■ **Task prompt**
Please copy each line below that contains the string "NOTDEFINED".

[Collected data]

• • • •

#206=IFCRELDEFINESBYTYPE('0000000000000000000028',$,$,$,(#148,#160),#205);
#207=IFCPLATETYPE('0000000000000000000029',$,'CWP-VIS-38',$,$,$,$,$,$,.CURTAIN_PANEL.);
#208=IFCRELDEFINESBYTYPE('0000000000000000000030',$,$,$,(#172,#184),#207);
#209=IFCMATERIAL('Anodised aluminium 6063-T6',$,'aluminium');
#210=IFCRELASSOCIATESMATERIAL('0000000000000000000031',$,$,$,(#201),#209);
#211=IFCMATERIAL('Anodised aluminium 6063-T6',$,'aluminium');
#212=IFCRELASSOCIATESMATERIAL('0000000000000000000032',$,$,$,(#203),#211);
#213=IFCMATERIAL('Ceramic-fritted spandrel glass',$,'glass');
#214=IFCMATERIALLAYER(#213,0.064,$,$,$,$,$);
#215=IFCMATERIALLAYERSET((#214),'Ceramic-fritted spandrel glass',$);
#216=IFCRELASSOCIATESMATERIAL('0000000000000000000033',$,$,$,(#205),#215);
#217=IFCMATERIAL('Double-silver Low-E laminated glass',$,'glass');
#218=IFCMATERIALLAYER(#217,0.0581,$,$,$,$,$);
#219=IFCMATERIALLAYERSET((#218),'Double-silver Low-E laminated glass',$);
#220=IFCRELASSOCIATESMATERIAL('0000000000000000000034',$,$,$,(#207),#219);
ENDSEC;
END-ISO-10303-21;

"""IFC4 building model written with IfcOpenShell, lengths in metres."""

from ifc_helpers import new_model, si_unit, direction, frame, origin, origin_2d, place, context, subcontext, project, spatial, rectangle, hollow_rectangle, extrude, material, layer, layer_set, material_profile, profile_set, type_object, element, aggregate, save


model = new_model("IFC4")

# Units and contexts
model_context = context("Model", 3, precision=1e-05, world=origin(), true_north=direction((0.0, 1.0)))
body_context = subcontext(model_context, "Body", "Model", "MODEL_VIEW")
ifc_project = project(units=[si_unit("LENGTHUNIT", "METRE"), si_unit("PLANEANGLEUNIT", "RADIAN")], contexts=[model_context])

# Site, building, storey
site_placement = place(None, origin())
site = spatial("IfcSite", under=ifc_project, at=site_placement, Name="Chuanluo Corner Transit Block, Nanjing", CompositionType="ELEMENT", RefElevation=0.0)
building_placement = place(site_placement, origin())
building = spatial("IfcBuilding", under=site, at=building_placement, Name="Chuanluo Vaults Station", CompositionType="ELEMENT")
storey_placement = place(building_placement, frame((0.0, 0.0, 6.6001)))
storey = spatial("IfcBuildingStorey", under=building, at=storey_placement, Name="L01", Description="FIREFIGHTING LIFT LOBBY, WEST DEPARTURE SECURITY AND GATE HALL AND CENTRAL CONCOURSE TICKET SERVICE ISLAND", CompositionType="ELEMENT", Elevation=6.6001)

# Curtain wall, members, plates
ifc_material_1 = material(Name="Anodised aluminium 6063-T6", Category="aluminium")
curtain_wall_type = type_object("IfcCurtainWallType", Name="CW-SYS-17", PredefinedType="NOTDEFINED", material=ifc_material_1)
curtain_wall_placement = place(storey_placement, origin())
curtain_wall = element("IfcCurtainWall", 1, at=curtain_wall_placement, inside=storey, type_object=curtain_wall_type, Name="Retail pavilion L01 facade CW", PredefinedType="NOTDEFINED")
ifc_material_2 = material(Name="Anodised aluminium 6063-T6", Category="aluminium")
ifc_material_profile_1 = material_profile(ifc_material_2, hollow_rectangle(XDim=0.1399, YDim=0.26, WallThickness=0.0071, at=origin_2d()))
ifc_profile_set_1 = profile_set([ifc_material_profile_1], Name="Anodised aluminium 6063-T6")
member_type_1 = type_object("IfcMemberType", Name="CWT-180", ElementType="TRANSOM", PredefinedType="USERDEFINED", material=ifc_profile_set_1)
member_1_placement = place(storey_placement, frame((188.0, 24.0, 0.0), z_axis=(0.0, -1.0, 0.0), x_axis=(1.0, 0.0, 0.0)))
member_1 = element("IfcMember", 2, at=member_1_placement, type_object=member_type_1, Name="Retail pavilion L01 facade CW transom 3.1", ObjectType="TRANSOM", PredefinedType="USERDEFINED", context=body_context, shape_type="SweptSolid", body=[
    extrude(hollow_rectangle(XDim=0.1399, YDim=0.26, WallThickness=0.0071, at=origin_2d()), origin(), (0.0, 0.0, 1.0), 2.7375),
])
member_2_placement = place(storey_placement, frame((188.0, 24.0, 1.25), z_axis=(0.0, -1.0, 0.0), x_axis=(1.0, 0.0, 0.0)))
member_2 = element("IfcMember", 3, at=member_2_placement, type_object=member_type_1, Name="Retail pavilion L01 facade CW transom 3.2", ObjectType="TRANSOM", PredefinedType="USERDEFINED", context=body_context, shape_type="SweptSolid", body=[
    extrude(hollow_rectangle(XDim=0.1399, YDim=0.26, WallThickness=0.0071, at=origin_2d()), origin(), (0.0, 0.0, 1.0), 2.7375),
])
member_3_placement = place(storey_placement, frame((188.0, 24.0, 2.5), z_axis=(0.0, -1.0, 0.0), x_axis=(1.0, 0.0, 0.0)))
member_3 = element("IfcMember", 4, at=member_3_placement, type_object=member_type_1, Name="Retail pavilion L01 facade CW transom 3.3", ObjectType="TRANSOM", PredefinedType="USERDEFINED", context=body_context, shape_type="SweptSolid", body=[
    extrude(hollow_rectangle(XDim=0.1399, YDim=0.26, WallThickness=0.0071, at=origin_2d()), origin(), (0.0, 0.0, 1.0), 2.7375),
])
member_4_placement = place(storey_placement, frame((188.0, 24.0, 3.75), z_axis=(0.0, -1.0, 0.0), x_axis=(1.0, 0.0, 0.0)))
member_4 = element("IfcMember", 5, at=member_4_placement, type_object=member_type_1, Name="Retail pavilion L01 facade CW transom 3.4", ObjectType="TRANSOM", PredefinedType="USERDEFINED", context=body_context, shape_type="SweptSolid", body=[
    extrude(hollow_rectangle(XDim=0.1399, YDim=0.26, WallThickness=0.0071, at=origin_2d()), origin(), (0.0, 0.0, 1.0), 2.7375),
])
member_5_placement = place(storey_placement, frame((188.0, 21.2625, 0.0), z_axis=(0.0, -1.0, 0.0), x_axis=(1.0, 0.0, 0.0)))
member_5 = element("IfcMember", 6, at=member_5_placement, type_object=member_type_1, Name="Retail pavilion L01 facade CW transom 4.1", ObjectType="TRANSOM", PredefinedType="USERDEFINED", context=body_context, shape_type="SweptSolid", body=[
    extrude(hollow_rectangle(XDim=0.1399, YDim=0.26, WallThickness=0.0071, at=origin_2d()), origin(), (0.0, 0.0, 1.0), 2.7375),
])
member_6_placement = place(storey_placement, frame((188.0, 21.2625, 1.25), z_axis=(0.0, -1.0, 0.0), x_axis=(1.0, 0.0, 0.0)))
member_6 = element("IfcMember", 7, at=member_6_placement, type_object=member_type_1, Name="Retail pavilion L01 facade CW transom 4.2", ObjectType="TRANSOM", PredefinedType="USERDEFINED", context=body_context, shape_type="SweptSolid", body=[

• • • •

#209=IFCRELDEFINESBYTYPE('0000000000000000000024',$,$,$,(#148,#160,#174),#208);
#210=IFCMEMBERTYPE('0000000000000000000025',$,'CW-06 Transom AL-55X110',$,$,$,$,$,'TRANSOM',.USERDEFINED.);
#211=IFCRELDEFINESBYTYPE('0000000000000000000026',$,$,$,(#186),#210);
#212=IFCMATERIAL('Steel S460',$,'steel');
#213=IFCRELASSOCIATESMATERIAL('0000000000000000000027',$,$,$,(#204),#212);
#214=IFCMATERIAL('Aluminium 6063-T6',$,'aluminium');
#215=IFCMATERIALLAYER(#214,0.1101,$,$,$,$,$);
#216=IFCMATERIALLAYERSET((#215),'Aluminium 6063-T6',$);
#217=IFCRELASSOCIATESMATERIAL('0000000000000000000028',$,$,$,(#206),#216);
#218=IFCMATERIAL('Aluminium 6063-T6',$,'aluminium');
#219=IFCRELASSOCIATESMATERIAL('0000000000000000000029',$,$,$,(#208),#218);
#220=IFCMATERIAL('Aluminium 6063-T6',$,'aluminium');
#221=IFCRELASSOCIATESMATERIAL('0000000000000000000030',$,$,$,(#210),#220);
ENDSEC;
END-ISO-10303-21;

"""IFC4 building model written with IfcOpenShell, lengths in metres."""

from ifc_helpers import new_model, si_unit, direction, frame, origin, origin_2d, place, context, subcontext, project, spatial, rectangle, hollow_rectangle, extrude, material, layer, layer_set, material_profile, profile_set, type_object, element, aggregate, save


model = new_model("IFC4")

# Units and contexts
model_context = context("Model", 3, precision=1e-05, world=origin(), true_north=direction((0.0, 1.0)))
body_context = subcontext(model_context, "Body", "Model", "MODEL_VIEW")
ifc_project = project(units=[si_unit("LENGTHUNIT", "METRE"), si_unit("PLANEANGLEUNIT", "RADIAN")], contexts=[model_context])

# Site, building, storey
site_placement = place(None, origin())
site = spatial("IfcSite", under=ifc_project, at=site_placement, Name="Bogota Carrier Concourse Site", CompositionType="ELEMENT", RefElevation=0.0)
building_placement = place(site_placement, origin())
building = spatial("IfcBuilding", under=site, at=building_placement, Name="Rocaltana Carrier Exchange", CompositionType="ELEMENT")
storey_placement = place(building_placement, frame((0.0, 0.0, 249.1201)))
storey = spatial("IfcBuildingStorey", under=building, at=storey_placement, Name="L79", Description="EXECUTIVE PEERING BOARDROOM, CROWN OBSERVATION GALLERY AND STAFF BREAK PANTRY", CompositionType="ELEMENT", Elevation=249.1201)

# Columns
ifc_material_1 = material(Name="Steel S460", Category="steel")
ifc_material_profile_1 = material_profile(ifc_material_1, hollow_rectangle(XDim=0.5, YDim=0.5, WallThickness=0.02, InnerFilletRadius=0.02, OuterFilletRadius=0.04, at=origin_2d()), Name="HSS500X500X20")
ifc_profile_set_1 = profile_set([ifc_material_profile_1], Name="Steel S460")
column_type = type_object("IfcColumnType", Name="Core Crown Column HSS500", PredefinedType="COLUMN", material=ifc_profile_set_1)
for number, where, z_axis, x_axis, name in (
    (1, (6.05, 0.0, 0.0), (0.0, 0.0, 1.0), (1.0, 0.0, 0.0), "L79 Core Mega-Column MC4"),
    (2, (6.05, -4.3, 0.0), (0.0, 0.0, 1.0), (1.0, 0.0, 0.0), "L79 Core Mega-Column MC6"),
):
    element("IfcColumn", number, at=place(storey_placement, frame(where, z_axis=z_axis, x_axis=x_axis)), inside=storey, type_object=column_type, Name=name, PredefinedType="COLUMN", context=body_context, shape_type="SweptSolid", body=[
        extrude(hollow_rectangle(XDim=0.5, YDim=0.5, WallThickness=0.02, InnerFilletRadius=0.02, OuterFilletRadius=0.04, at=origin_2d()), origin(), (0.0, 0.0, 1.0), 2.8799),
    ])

• • • •

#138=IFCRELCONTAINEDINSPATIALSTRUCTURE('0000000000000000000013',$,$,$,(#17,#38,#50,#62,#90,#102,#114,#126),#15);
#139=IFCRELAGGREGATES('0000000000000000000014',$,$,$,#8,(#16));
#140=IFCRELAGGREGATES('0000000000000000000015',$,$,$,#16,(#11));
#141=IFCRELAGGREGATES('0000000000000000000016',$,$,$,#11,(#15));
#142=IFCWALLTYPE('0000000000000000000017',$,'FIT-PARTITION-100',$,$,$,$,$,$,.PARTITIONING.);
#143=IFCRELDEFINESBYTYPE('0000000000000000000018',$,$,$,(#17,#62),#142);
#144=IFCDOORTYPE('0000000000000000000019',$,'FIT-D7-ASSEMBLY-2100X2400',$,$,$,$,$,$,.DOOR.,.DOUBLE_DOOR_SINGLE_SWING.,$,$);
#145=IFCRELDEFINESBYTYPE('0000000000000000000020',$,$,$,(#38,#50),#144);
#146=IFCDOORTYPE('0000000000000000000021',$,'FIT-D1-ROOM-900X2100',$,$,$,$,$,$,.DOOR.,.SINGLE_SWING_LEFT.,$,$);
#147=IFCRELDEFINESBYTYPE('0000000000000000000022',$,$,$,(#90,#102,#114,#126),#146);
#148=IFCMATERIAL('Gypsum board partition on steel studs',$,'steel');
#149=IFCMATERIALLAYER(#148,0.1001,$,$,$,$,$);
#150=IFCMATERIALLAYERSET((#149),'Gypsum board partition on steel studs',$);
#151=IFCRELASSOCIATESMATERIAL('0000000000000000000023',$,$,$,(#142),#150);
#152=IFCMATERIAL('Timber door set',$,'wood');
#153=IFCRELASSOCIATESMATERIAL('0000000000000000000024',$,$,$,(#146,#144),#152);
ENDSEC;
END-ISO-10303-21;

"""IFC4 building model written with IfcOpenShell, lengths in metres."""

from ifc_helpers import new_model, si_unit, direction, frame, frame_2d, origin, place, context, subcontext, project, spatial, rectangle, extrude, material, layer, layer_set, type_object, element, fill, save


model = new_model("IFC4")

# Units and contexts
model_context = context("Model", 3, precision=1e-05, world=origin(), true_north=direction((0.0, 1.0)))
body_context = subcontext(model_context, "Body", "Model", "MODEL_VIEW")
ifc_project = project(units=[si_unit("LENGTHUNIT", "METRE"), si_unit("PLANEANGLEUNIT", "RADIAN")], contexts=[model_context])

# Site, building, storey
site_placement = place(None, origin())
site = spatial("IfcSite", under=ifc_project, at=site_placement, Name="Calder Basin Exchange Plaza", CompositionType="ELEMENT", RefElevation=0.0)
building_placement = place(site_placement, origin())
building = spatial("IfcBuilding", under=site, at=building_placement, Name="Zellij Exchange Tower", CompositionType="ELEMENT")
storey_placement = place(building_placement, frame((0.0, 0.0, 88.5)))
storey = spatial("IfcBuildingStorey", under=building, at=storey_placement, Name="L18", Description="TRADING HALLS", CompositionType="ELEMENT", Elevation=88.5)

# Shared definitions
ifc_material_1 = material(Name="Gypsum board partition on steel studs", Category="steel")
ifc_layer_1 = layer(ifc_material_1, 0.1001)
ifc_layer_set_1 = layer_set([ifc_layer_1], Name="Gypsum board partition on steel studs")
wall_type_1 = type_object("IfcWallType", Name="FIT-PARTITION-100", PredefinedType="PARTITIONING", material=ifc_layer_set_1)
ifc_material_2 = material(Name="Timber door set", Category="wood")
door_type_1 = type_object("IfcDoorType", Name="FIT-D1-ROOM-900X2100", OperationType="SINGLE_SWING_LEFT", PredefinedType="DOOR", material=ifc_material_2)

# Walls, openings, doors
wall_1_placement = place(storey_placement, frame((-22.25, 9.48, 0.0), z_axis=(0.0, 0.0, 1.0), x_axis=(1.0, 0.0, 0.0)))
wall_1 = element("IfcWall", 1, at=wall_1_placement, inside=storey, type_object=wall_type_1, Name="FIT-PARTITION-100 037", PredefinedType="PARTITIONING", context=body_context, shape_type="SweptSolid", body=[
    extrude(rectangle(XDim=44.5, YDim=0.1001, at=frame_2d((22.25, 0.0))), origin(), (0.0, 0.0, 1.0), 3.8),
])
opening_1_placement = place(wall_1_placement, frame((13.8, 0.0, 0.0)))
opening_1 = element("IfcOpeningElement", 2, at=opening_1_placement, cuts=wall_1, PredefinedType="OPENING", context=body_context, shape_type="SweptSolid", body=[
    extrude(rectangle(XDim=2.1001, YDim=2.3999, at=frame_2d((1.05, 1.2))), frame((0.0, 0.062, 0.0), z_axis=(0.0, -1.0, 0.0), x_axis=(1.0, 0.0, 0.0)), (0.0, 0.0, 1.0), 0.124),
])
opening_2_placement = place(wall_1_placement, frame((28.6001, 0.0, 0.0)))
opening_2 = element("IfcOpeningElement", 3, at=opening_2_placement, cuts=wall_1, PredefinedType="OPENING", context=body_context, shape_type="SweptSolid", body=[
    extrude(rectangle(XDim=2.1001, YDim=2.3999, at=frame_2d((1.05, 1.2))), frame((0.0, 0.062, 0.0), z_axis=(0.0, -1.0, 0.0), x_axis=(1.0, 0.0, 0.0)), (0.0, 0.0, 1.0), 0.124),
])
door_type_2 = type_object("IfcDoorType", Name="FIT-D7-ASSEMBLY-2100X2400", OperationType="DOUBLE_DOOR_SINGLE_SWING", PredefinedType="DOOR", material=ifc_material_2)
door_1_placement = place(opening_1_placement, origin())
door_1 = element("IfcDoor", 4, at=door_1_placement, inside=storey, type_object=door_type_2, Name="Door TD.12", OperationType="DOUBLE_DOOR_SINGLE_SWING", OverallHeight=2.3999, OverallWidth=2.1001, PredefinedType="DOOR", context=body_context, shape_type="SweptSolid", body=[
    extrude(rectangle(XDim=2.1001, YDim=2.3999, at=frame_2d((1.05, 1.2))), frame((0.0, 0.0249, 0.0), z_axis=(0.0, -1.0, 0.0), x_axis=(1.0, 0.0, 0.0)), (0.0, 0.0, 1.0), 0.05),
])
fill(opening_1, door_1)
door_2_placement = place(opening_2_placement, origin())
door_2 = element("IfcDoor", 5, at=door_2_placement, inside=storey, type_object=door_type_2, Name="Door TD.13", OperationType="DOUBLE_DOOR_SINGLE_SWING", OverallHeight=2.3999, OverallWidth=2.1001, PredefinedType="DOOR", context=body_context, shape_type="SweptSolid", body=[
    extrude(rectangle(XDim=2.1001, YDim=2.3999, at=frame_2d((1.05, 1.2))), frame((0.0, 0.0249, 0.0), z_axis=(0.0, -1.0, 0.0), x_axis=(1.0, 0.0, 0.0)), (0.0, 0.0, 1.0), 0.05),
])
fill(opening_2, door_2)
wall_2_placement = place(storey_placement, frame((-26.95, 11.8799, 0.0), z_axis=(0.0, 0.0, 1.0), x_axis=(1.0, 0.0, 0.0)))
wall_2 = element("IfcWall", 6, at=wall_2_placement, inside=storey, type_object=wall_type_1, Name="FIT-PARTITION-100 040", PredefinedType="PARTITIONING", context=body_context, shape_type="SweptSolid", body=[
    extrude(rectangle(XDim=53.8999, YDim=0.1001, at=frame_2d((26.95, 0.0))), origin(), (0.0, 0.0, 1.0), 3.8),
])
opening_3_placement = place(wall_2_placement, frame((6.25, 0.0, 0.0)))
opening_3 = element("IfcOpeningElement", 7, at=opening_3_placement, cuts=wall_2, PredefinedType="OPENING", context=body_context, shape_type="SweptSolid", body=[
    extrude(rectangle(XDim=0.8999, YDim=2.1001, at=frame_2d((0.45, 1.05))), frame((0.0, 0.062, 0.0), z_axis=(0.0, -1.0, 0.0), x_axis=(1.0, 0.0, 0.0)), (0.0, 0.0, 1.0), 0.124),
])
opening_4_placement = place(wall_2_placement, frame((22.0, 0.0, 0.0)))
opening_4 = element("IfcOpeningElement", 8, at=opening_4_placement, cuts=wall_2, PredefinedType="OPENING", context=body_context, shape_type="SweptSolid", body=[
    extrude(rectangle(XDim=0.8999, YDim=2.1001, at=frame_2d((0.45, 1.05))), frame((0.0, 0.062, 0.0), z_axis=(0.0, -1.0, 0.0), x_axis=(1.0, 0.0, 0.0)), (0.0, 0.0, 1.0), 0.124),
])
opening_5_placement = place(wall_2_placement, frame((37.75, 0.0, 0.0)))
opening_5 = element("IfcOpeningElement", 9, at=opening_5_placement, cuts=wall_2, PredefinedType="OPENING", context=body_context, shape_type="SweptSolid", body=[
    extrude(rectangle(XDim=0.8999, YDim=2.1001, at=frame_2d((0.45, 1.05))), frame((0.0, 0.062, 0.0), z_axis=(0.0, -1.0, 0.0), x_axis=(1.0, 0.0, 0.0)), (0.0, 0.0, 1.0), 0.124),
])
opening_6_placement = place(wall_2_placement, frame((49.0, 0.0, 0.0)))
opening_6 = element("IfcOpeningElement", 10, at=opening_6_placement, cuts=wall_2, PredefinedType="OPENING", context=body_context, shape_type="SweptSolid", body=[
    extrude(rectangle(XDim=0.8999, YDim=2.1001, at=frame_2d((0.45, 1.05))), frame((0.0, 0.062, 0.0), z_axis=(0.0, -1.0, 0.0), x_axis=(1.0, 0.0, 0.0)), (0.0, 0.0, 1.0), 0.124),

• • • •

■ **Exercise answer**
curtain_wall_type = type_object("IfcCurtainWallType", Name="CW-SYS-17", PredefinedType="NOTDEFINED", material=ifc_material_1)
curtain_wall = element("IfcCurtainWall", 1, at=curtain_wall_placement, inside=storey, type_object=curtain_wall_type, Name="Retail pavilion L01 facade CW", PredefinedType="NOTDEFINED")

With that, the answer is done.